* [ASSIGNMENT] Would you please copy every line below that includes the string "IFCMATERIAL"?

(Saved entries)
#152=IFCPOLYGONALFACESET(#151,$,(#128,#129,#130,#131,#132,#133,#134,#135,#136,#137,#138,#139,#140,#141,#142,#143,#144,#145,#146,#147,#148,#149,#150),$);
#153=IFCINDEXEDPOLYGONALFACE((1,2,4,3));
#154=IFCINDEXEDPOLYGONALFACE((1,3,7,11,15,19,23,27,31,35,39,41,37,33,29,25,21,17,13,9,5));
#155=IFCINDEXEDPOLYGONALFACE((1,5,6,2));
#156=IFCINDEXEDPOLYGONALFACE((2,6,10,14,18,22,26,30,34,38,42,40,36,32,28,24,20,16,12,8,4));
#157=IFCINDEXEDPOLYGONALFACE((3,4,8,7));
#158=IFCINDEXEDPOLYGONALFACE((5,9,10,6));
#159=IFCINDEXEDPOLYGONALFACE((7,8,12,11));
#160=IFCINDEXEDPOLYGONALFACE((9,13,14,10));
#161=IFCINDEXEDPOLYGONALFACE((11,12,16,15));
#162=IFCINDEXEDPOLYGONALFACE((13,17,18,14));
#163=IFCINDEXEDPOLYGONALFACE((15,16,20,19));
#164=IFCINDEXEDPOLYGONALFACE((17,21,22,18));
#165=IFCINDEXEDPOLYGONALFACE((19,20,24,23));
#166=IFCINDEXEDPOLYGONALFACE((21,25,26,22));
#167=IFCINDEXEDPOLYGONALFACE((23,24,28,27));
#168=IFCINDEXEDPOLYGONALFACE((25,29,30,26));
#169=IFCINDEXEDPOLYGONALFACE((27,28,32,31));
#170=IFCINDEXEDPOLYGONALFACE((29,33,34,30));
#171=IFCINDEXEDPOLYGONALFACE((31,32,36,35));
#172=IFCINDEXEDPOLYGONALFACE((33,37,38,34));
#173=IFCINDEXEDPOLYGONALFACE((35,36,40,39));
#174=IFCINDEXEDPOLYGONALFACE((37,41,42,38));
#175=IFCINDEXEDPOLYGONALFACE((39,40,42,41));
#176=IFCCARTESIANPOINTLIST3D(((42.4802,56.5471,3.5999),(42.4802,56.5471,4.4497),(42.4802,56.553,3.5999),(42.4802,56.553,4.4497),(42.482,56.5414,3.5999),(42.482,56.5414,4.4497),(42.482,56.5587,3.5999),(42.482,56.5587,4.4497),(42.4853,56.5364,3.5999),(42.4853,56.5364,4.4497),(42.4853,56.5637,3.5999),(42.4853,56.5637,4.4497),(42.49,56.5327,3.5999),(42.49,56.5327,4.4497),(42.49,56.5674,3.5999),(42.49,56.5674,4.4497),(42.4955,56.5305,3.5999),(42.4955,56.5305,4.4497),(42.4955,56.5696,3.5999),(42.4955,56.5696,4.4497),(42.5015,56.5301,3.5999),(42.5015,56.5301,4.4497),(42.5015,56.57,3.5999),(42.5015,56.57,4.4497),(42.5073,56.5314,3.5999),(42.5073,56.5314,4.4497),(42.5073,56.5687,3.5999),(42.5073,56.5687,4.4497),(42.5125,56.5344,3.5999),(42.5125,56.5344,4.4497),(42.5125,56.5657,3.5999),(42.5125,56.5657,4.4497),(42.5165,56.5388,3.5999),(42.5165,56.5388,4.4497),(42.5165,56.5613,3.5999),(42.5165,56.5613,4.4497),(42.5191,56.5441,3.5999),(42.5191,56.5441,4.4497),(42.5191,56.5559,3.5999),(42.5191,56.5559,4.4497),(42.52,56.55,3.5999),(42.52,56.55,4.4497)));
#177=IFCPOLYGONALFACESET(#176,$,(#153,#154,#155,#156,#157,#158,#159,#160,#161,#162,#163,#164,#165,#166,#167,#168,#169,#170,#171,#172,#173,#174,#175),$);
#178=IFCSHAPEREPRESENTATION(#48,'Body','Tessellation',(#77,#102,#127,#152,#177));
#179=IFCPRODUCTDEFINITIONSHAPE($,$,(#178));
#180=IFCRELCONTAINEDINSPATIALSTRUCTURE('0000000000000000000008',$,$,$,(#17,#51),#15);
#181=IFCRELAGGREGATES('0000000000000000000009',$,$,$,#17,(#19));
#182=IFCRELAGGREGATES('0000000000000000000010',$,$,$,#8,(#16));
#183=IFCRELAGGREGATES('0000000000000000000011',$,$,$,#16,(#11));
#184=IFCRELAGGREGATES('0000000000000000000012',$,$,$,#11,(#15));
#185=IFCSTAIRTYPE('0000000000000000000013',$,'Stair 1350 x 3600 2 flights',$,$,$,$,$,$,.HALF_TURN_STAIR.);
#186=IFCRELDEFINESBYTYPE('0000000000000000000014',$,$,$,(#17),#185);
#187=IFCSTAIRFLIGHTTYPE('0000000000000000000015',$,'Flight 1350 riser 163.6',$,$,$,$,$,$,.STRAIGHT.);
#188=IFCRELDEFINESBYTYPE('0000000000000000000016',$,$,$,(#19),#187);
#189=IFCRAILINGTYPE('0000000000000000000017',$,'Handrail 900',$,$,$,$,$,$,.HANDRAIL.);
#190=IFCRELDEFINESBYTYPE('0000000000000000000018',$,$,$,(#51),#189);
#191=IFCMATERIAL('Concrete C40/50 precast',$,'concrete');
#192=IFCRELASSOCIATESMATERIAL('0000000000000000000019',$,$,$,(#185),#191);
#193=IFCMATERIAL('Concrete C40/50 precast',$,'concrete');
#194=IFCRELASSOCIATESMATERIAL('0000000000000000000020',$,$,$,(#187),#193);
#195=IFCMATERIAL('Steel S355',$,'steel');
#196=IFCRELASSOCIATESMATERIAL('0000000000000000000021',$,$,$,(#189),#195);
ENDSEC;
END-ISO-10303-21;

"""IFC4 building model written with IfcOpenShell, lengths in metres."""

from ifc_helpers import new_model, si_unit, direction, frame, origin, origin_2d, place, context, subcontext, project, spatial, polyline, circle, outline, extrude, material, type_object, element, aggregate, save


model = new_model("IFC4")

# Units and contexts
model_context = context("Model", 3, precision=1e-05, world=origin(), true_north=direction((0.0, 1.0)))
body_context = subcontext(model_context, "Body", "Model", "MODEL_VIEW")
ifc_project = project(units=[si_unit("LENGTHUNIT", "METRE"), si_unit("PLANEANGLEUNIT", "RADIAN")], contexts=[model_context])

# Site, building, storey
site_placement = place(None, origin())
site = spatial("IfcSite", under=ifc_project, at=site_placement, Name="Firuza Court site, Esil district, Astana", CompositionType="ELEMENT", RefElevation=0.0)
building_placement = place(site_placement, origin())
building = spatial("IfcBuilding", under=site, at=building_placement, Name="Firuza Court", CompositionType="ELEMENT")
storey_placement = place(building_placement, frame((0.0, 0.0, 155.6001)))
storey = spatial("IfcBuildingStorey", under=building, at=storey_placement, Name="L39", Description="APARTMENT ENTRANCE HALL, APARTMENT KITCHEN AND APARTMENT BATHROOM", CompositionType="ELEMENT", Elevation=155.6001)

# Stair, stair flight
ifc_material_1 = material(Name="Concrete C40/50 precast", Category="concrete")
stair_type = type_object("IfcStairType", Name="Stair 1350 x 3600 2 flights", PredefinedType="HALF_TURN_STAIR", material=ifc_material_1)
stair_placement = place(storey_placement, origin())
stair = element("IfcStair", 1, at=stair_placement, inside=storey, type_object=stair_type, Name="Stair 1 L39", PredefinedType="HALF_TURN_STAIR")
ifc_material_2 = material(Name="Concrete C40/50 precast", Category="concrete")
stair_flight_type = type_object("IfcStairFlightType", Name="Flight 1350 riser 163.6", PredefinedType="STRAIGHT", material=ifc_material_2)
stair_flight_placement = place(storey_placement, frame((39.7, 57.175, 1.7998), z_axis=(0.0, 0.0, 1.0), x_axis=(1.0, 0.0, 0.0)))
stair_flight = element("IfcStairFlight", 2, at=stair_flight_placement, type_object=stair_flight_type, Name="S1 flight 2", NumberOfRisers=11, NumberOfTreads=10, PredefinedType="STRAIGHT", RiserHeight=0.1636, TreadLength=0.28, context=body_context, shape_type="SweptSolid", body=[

* [SOLUTION FOR THIS TASK]
#191=IFCMATERIAL('Concrete C40/50 precast',$,'concrete');
#193=IFCMATERIAL('Concrete C40/50 precast',$,'concrete');
#195=IFCMATERIAL('Steel S355',$,'steel');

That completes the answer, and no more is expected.